- How to complete this task
Would you return, word for word, the lines of the data below from the line with "#222=IFCMATERIAL('Aluminium framed glazing',$,'aluminium');" through the line with "element, aggregate, save", and no others?

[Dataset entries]
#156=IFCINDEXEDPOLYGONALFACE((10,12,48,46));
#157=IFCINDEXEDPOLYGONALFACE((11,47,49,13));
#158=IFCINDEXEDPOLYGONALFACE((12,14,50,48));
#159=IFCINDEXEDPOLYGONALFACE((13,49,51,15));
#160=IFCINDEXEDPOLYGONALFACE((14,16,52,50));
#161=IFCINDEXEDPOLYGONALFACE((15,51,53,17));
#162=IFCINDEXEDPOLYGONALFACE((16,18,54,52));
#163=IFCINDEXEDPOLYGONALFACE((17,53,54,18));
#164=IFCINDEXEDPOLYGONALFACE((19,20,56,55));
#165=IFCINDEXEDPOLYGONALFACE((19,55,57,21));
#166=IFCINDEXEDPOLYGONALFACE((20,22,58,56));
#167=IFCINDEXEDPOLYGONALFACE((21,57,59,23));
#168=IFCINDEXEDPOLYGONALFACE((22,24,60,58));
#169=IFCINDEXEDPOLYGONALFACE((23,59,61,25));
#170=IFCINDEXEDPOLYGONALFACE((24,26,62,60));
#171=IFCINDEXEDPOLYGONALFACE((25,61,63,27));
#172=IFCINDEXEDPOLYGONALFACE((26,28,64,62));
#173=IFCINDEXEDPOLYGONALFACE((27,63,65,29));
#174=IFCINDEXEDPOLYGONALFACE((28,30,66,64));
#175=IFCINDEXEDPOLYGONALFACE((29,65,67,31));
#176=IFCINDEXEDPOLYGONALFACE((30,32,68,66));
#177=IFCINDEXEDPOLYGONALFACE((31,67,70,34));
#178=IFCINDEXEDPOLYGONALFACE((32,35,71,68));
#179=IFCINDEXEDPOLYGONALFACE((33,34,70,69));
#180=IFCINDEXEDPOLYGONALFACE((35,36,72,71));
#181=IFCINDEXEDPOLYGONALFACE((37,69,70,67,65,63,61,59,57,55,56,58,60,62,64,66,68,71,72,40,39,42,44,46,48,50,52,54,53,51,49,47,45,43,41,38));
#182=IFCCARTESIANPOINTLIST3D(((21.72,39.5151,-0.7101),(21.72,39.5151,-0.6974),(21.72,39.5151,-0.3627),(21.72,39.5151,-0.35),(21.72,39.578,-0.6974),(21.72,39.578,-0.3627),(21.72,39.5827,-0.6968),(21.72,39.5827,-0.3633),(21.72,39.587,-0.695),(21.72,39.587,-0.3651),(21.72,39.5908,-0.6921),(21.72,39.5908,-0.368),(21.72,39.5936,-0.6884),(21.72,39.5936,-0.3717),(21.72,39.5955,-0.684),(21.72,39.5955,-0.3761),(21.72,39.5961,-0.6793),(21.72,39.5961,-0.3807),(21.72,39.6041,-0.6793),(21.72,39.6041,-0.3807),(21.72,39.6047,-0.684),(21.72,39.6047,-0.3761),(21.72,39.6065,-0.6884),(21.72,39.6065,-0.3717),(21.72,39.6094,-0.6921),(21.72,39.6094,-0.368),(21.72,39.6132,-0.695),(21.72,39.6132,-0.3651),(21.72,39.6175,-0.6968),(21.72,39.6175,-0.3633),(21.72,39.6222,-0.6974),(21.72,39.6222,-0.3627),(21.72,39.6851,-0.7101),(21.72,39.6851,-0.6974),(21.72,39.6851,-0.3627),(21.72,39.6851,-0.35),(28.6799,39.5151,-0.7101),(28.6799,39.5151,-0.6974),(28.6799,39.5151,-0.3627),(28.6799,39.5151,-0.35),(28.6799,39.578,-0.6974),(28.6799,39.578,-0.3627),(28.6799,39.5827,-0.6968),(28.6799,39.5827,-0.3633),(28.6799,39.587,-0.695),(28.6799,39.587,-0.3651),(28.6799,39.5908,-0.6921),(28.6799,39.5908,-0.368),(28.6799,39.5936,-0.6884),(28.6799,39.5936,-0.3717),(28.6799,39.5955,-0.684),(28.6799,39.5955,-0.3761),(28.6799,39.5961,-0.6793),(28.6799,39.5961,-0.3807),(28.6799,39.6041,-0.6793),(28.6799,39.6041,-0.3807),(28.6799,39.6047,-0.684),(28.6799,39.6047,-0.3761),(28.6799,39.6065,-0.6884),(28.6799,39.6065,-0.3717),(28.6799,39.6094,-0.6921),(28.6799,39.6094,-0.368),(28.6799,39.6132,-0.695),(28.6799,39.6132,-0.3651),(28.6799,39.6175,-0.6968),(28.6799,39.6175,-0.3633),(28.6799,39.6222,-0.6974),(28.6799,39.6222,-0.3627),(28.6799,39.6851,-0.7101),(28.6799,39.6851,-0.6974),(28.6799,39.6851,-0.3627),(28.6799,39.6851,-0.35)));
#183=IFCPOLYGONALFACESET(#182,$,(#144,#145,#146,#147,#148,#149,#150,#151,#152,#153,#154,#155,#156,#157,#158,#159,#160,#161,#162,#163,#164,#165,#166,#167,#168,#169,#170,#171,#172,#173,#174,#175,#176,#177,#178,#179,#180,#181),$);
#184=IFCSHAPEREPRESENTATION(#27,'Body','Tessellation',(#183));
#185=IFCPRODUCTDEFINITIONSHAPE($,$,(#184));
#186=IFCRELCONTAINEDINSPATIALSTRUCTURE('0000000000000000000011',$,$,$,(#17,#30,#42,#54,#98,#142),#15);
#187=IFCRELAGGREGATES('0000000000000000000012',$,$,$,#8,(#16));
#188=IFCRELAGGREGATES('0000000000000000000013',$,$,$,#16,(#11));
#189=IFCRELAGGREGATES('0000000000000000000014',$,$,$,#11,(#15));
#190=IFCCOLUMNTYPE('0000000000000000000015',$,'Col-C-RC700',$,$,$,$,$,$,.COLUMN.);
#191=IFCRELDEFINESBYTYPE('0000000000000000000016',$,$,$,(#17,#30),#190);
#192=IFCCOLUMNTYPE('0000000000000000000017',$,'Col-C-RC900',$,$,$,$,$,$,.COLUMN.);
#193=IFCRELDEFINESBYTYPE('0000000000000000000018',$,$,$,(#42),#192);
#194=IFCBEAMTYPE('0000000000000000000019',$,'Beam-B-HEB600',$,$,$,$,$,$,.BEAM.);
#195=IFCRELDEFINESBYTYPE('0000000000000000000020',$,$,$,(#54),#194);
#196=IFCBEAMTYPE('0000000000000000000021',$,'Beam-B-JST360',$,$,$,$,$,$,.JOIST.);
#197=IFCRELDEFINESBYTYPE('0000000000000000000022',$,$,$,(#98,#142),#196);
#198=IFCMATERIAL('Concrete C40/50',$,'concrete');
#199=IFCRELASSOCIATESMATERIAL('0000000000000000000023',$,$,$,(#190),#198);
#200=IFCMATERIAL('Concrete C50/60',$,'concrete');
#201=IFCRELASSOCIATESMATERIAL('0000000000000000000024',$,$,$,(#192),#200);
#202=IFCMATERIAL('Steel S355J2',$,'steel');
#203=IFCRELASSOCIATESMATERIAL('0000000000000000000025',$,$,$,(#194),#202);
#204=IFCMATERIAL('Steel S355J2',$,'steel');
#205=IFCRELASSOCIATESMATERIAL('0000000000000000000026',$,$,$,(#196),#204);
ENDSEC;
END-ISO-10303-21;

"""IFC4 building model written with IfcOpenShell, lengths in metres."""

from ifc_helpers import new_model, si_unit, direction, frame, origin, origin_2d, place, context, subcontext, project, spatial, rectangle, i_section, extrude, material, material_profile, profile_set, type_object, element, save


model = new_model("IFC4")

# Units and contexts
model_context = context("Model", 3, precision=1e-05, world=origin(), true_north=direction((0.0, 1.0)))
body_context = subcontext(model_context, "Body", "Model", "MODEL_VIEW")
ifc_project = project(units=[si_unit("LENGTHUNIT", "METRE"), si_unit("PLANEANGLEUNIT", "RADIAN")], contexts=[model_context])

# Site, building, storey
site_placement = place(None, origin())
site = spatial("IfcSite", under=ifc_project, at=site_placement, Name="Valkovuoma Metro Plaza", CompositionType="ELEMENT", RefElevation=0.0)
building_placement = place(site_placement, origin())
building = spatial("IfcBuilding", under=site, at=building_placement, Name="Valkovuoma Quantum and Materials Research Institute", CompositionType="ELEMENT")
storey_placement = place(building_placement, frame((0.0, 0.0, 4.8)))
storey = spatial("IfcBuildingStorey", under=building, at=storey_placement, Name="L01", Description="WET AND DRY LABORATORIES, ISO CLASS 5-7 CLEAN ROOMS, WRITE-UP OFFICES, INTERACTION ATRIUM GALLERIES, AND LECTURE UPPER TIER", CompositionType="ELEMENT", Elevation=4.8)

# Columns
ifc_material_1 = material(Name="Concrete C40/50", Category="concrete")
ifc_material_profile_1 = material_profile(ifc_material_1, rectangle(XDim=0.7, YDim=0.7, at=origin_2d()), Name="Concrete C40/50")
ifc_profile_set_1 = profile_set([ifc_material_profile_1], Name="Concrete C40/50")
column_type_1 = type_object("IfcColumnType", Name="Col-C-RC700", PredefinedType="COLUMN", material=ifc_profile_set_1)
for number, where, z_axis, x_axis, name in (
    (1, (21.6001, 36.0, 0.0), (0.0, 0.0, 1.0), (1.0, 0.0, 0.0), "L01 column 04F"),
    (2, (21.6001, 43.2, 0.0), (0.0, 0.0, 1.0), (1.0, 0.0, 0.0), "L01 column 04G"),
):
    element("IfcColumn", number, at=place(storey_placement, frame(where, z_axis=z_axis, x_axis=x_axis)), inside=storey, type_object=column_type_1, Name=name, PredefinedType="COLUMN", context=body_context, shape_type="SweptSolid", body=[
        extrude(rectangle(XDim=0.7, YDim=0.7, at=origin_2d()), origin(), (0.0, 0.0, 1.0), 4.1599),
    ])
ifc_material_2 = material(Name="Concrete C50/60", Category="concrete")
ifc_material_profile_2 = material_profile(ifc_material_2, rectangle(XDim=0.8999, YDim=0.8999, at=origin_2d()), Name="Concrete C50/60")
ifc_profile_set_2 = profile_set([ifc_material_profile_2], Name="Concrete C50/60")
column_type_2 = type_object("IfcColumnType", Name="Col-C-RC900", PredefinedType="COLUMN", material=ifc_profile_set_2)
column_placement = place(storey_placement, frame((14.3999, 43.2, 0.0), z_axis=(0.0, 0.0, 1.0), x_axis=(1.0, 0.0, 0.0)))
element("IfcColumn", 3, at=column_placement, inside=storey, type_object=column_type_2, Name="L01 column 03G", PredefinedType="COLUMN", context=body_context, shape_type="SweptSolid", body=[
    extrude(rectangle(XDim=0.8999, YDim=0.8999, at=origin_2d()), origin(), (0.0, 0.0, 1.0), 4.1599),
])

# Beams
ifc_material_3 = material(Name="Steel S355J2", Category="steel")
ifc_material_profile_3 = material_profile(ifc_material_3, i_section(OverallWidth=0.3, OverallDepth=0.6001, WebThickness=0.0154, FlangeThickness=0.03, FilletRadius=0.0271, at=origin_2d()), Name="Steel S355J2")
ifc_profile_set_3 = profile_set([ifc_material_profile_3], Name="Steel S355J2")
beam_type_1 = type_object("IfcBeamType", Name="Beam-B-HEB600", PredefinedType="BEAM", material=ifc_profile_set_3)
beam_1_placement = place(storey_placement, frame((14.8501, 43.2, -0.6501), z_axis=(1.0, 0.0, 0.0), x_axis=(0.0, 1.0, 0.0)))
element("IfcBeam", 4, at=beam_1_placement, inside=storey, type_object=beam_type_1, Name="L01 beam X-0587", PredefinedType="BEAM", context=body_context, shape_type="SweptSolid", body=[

* * *

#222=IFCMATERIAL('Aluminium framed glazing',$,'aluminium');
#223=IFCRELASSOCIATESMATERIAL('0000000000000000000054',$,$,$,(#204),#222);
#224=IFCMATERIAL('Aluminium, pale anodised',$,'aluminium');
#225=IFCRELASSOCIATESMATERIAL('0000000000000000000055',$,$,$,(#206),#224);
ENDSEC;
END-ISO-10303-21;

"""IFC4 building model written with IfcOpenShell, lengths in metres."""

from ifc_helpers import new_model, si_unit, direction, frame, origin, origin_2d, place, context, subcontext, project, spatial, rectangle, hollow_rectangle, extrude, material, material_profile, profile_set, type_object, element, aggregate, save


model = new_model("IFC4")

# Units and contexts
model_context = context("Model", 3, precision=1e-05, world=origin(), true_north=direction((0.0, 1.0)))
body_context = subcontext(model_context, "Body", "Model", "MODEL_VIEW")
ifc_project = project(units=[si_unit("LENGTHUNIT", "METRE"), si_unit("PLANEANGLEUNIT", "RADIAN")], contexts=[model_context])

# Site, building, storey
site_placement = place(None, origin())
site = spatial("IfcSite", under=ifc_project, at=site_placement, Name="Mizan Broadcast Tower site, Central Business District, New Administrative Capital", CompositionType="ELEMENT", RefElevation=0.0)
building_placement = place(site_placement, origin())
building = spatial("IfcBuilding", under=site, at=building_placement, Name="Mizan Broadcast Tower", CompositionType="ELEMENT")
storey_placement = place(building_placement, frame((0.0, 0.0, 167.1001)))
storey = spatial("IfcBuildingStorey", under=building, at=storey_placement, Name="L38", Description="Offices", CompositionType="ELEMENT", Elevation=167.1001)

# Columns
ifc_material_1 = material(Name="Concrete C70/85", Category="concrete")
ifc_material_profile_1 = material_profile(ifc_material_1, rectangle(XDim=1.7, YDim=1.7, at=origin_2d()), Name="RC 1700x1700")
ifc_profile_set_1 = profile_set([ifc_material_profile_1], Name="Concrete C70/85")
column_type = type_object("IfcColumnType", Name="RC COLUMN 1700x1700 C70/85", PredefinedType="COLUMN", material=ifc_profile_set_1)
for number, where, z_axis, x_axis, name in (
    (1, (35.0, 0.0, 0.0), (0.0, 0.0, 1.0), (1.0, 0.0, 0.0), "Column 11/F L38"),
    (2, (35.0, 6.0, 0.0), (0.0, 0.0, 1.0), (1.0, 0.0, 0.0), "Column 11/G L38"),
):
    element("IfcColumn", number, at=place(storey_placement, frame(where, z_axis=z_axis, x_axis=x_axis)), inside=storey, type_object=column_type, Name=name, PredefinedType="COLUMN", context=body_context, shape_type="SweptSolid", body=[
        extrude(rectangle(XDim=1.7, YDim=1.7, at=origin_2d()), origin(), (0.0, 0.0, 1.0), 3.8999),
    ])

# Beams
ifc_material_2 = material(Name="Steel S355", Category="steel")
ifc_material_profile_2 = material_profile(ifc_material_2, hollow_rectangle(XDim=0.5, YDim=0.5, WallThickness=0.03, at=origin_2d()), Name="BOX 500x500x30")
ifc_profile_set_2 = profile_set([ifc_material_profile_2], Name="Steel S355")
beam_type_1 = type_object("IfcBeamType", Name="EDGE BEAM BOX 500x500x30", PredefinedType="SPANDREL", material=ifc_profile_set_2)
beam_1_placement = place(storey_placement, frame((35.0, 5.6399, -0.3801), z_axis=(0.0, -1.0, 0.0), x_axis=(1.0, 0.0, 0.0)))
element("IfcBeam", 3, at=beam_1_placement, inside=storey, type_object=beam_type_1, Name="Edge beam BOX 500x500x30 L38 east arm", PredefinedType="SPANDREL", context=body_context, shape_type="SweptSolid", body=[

- Response
#222=IFCMATERIAL('Aluminium framed glazing',$,'aluminium');
#223=IFCRELASSOCIATESMATERIAL('0000000000000000000054',$,$,$,(#204),#222);
#224=IFCMATERIAL('Aluminium, pale anodised',$,'aluminium');
#225=IFCRELASSOCIATESMATERIAL('0000000000000000000055',$,$,$,(#206),#224);
ENDSEC;
END-ISO-10303-21;

"""IFC4 building model written with IfcOpenShell, lengths in metres."""

from ifc_helpers import new_model, si_unit, direction, frame, origin, origin_2d, place, context, subcontext, project, spatial, rectangle, hollow_rectangle, extrude, material, material_profile, profile_set, type_object, element, aggregate, save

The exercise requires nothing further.